**Data to process**
****************

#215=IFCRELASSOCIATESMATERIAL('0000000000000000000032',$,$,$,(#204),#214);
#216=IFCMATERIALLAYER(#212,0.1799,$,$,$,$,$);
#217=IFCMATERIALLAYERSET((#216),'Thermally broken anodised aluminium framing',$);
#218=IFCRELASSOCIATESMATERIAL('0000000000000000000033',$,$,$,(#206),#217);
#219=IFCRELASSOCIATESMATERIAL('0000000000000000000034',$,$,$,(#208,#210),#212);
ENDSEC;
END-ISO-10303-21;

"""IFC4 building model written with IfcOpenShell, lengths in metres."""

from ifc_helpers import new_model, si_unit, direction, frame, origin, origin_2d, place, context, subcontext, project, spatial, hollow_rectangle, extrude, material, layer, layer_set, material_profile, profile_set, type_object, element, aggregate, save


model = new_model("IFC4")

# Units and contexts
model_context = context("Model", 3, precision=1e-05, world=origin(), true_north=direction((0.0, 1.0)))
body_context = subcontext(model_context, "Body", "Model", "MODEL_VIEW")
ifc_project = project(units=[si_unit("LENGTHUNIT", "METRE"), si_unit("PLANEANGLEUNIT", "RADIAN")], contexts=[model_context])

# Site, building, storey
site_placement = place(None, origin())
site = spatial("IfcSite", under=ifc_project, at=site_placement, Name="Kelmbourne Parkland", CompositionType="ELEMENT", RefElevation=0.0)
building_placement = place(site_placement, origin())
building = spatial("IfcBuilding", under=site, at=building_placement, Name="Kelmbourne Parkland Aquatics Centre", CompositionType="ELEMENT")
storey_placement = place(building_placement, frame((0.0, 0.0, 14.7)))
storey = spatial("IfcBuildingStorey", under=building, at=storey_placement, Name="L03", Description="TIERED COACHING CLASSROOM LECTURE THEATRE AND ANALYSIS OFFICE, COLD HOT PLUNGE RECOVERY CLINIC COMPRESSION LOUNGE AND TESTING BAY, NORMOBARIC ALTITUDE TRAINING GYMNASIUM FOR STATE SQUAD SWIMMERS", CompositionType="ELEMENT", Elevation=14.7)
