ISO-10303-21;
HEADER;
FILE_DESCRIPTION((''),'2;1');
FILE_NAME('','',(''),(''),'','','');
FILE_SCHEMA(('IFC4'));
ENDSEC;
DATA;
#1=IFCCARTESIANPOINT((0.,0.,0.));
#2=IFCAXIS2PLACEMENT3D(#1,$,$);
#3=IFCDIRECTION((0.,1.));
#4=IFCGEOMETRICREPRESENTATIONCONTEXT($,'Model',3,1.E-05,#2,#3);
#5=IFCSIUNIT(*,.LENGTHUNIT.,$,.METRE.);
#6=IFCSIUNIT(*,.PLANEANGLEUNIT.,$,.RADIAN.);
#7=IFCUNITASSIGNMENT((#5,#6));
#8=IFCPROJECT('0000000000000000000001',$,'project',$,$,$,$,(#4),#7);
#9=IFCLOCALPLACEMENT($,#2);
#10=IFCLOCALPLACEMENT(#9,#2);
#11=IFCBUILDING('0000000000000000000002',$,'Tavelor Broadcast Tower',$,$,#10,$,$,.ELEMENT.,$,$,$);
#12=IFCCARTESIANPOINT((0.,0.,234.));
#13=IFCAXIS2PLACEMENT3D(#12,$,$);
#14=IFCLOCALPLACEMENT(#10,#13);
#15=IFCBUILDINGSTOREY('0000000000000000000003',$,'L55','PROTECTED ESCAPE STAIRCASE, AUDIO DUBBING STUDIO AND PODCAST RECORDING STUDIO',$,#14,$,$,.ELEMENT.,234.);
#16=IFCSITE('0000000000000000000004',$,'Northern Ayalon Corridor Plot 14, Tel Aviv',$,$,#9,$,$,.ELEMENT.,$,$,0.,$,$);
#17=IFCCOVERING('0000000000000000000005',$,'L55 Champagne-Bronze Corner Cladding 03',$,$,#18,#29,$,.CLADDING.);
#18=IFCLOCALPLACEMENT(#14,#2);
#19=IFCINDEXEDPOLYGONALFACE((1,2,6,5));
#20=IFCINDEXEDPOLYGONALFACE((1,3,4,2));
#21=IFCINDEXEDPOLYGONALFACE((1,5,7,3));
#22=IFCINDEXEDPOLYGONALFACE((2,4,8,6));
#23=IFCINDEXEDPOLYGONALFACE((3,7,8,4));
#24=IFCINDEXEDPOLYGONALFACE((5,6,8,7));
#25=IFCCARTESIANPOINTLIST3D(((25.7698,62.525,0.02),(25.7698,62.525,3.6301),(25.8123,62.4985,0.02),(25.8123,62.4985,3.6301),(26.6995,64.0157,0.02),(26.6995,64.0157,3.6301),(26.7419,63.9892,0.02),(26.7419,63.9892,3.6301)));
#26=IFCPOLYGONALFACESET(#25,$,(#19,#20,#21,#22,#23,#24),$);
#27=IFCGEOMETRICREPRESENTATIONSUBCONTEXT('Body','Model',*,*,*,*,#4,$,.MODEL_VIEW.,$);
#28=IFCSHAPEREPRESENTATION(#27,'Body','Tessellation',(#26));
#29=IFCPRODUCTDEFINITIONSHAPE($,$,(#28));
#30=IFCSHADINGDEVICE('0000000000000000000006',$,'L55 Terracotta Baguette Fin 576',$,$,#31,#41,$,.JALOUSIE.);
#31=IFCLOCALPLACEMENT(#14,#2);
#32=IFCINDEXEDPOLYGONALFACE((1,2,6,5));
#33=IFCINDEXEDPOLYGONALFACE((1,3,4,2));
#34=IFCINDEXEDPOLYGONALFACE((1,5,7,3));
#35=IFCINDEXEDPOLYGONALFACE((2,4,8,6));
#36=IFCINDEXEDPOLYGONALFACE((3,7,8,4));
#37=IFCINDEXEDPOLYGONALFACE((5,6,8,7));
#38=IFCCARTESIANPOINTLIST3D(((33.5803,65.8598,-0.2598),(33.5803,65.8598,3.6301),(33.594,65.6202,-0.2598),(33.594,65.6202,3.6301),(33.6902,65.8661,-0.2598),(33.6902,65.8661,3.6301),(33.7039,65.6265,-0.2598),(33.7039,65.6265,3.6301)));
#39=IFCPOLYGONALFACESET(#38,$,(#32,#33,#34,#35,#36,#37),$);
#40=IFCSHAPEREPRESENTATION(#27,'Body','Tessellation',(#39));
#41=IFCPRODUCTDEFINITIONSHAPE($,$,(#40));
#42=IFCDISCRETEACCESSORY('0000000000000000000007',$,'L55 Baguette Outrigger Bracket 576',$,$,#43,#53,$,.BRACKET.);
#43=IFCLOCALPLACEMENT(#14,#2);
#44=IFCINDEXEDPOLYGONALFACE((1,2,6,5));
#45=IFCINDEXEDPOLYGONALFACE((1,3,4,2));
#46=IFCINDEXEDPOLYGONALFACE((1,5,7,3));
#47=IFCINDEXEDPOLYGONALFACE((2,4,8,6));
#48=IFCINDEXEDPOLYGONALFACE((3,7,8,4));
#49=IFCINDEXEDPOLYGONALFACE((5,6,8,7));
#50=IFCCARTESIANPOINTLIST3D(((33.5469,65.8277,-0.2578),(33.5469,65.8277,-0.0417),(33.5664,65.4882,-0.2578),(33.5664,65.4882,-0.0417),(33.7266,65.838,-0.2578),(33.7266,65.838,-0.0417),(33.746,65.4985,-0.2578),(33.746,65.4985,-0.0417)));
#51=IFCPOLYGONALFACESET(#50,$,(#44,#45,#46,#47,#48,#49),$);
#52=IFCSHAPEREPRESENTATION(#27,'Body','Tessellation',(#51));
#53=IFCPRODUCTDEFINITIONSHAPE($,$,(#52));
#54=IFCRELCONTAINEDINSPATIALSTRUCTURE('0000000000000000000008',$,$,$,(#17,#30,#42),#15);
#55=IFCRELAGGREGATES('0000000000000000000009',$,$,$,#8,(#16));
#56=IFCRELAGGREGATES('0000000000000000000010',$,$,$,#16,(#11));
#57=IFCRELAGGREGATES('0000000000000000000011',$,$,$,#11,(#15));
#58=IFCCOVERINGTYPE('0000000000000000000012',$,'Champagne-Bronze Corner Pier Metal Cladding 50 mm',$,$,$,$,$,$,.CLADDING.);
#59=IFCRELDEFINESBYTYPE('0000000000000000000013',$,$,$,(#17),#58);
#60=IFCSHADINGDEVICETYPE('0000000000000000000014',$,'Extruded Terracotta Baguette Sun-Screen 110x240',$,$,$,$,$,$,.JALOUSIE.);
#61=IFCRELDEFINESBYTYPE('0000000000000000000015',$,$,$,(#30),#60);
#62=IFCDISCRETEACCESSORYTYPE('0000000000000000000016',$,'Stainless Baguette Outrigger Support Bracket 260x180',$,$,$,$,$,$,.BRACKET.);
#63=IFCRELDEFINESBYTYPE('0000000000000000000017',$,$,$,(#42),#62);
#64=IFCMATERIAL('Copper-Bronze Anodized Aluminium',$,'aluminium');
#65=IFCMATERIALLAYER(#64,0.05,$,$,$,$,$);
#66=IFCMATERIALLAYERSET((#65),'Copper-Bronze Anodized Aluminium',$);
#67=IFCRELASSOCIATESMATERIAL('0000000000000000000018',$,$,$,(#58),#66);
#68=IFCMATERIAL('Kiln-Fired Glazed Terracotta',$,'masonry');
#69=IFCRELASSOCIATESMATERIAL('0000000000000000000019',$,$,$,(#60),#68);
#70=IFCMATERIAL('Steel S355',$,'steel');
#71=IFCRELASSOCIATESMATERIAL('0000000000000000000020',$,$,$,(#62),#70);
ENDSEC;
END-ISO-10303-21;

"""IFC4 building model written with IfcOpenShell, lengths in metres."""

from ifc_helpers import new_model, si_unit, direction, frame, origin, origin_2d, place, context, subcontext, project, spatial, rectangle, extrude, source, transform, mapped, material, layer, layer_set, type_object, type_shapes, element, save


model = new_model("IFC4")

# Units and contexts
model_context = context("Model", 3, precision=1e-05, world=origin(), true_north=direction((0.0, 1.0)))
body_context = subcontext(model_context, "Body", "Model", "MODEL_VIEW")
ifc_project = project(units=[si_unit("LENGTHUNIT", "METRE"), si_unit("PLANEANGLEUNIT", "RADIAN")], contexts=[model_context])

# Site, building, storey
site_placement = place(None, origin())
site = spatial("IfcSite", under=ifc_project, at=site_placement, Name="Northern Ayalon Corridor Plot 14, Tel Aviv", CompositionType="ELEMENT", RefElevation=0.0)
building_placement = place(site_placement, origin())
building = spatial("IfcBuilding", under=site, at=building_placement, Name="Tavelor Broadcast Tower", CompositionType="ELEMENT")
storey_placement = place(building_placement, frame((0.0, 0.0, 234.0)))
storey = spatial("IfcBuildingStorey", under=building, at=storey_placement, Name="L55", Description="PROTECTED ESCAPE STAIRCASE, AUDIO DUBBING STUDIO AND PODCAST RECORDING STUDIO", CompositionType="ELEMENT", Elevation=234.0)

# Shared definitions
ifc_material_1 = material(Name="Steel S355", Category="steel")

# Covering
ifc_material_2 = material(Name="Copper-Bronze Anodized Aluminium", Category="aluminium")
ifc_layer_1 = layer(ifc_material_2, 0.05)
ifc_layer_set_1 = layer_set([ifc_layer_1], Name="Copper-Bronze Anodized Aluminium")
covering_type = type_object("IfcCoveringType", Name="Champagne-Bronze Corner Pier Metal Cladding 50 mm", PredefinedType="CLADDING", material=ifc_layer_set_1)
covering_placement = place(storey_placement, frame((26.2559, 63.2571, 0.02), z_axis=(0.0, 0.0, 1.0), x_axis=(-0.529179, -0.84851, 0.0)))
element("IfcCovering", 1, at=covering_placement, inside=storey, type_object=covering_type, Name="L55 Champagne-Bronze Corner Cladding 03", PredefinedType="CLADDING", context=body_context, shape_type="SweptSolid", body=[
    extrude(rectangle(XDim=1.7568, YDim=0.05, at=origin_2d()), origin(), (0.0, 0.0, 1.0), 3.6101),
])

# Shading device
ifc_material_3 = material(Name="Kiln-Fired Glazed Terracotta", Category="masonry")
shading_device_type = type_object("IfcShadingDeviceType", Name="Extruded Terracotta Baguette Sun-Screen 110x240", PredefinedType="JALOUSIE", material=ifc_material_3)
shared_shape_1 = source(origin(), body_context, "Body", "SweptSolid", [
    extrude(rectangle(XDim=0.1101, YDim=0.24, at=origin_2d()), origin(), (0.0, 0.0, 1.0), 3.8899),
])
type_shapes(shading_device_type, [shared_shape_1])
shading_device_placement = place(storey_placement, frame((33.6421, 65.7432, -0.2598), z_axis=(0.0, 0.0, 1.0), x_axis=(-0.998362, -0.057216, 0.0)))
element("IfcShadingDevice", 2, at=shading_device_placement, inside=storey, type_object=shading_device_type, Name="L55 Terracotta Baguette Fin 576", PredefinedType="JALOUSIE", context=body_context, shape_type="MappedRepresentation", body=[
    mapped(shared_shape_1, transform((0.0, 0.0, 0.0), scale=1.0)),
])

# Discrete accessory
discrete_accessory_type = type_object("IfcDiscreteAccessoryType", Name="Stainless Baguette Outrigger Support Bracket 260x180", PredefinedType="BRACKET", material=ifc_material_1)
shared_shape_2 = source(origin(), body_context, "Body", "SweptSolid", [
    extrude(rectangle(XDim=0.1799, YDim=0.3401, at=origin_2d()), origin(), (0.0, 0.0, 1.0), 0.2161),
])
type_shapes(discrete_accessory_type, [shared_shape_2])
discrete_accessory_placement = place(storey_placement, frame((33.6465, 65.6631, -0.2578), z_axis=(0.0, 0.0, 1.0), x_axis=(-0.998362, -0.057216, 0.0)))
element("IfcDiscreteAccessory", 3, at=discrete_accessory_placement, inside=storey, type_object=discrete_accessory_type, Name="L55 Baguette Outrigger Bracket 576", PredefinedType="BRACKET", context=body_context, shape_type="MappedRepresentation", body=[
    mapped(shared_shape_2, transform((0.0, 0.0, 0.0), scale=1.0)),
])

save(model, "model.ifc")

****************

**Work to complete**
Only lines with the word "Tessellation" should be collected from the material.

**Exercise answer**
#28=IFCSHAPEREPRESENTATION(#27,'Body','Tessellation',(#26));
#40=IFCSHAPEREPRESENTATION(#27,'Body','Tessellation',(#39));
#52=IFCSHAPEREPRESENTATION(#27,'Body','Tessellation',(#51));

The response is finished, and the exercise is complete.